Go through the entries and count the lines with the string "XDim" in them. Give only that number.
== Segment start ==
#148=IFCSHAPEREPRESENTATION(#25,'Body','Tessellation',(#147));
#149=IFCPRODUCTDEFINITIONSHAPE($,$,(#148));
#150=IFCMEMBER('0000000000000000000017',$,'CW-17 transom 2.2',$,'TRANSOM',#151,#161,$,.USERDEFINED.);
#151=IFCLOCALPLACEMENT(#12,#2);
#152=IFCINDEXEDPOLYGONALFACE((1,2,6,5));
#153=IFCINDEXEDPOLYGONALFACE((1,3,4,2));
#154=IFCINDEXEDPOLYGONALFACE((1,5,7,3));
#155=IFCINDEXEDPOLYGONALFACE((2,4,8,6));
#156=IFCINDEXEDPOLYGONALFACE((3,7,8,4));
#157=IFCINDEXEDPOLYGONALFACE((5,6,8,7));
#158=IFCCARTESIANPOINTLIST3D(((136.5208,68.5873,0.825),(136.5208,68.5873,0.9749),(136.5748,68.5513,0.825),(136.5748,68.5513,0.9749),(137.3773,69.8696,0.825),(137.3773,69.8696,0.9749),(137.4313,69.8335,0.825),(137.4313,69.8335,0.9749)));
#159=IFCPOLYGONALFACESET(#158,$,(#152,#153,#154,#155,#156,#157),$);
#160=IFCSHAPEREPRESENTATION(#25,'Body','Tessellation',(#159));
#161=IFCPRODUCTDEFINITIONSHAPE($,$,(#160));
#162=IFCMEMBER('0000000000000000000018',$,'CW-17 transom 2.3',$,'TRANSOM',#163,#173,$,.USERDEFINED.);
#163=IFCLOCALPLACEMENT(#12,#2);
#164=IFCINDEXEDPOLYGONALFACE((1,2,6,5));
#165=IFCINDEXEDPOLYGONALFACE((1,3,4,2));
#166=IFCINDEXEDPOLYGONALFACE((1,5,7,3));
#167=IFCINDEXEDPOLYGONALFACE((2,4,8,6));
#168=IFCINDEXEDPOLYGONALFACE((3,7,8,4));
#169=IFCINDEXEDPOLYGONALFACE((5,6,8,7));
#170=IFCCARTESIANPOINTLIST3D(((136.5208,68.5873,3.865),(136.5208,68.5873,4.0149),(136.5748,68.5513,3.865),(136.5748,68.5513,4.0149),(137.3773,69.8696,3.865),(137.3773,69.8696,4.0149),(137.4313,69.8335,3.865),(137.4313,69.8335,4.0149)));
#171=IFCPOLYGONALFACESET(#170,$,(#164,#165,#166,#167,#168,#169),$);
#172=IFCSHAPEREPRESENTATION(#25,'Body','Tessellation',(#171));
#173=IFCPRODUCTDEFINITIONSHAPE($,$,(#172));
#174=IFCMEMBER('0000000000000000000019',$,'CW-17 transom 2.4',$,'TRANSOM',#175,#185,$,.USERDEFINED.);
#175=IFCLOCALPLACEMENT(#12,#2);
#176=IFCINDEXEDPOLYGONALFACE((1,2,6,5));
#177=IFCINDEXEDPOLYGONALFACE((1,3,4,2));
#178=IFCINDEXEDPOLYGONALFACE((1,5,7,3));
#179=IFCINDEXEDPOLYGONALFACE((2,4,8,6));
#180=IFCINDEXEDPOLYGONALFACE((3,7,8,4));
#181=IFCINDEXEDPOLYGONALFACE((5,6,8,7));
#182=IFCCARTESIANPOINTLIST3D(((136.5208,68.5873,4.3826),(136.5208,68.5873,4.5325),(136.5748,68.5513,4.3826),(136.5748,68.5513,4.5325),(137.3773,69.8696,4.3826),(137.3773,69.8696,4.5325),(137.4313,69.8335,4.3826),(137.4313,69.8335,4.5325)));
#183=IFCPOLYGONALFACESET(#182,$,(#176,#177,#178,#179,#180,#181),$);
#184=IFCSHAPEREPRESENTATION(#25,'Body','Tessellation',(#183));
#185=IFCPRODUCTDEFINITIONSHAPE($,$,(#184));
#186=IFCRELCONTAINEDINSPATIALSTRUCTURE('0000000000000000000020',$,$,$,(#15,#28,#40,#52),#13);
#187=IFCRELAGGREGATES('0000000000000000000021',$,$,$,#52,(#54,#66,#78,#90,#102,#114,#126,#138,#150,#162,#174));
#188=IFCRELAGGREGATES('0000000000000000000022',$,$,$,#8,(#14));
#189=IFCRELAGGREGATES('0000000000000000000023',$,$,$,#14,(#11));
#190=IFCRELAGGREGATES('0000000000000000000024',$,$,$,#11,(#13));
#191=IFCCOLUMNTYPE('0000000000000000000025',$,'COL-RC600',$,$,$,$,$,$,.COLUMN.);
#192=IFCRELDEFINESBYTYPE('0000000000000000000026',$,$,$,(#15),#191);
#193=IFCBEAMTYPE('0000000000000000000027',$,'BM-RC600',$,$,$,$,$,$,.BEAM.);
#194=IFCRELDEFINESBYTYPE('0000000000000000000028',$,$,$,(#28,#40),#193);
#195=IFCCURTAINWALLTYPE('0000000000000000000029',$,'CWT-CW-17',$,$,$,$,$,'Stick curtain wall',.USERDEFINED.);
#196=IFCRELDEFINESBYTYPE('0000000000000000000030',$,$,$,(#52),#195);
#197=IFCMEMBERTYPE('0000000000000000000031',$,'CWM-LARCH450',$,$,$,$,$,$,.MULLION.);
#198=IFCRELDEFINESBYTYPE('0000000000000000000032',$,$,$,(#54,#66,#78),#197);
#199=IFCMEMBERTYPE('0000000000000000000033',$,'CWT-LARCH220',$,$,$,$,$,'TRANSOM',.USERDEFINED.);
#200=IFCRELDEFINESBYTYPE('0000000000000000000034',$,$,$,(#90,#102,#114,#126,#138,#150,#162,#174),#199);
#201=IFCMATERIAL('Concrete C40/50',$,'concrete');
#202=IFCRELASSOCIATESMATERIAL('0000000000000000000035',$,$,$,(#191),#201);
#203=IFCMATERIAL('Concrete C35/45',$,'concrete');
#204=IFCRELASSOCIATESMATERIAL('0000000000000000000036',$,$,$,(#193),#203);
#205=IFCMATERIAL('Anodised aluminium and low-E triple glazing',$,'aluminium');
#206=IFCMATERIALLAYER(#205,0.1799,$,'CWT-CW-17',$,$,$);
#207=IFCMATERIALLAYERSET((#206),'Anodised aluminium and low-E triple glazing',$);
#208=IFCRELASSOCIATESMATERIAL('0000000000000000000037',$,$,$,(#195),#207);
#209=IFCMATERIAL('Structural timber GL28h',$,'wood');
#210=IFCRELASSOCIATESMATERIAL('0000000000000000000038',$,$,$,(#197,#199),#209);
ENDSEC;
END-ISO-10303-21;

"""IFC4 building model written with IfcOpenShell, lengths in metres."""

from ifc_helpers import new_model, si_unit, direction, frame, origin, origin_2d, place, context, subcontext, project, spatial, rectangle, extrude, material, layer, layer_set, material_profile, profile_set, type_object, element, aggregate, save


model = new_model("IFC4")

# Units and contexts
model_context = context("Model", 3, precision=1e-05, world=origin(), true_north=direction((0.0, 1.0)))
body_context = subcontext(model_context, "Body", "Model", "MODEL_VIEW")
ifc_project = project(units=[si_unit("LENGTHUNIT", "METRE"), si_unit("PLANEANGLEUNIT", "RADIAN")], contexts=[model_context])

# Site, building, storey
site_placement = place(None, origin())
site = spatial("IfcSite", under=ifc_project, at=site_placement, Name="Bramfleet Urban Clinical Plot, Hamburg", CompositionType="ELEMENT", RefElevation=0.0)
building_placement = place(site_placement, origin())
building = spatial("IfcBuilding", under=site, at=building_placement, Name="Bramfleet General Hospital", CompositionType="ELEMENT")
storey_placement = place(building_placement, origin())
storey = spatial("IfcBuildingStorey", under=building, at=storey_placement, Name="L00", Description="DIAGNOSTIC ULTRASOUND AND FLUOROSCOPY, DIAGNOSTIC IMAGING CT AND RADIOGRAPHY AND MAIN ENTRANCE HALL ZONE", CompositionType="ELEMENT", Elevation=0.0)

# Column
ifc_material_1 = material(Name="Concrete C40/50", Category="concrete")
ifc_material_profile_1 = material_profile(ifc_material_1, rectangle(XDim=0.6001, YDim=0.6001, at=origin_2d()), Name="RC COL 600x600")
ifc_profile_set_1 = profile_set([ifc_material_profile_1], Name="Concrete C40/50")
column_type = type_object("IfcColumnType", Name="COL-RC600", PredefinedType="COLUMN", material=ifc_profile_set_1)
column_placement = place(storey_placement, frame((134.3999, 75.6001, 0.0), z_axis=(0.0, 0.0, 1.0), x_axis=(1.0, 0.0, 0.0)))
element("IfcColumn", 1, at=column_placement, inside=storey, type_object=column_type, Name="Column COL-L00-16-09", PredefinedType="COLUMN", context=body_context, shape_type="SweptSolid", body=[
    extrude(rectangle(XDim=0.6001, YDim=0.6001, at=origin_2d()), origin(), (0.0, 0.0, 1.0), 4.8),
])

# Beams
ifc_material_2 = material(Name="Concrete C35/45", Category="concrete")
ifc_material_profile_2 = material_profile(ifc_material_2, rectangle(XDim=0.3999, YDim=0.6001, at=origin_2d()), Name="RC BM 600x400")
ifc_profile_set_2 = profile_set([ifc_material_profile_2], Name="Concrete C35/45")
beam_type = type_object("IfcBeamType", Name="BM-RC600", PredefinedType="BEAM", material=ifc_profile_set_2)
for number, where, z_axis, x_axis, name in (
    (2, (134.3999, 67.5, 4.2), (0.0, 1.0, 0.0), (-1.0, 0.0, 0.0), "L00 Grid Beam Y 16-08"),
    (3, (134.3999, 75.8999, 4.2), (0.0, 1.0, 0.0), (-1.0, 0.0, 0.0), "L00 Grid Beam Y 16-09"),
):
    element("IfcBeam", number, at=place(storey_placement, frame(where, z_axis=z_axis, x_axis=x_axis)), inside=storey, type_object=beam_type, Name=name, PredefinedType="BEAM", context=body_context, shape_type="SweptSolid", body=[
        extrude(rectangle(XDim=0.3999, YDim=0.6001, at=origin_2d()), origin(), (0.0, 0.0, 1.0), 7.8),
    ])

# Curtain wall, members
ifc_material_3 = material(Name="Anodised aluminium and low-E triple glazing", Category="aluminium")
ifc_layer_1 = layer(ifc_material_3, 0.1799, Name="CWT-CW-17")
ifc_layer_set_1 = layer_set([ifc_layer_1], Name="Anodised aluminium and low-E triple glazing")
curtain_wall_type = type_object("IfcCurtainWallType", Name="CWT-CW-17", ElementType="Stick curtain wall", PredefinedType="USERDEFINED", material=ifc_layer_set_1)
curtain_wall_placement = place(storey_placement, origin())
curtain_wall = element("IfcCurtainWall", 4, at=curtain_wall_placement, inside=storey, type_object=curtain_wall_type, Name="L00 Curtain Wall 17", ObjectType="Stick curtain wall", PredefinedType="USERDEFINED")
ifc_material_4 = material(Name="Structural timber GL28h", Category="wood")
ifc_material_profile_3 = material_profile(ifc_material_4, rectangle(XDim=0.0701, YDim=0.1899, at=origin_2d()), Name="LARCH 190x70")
== Segment end ==
== EXERCISE SOLUTION ==
5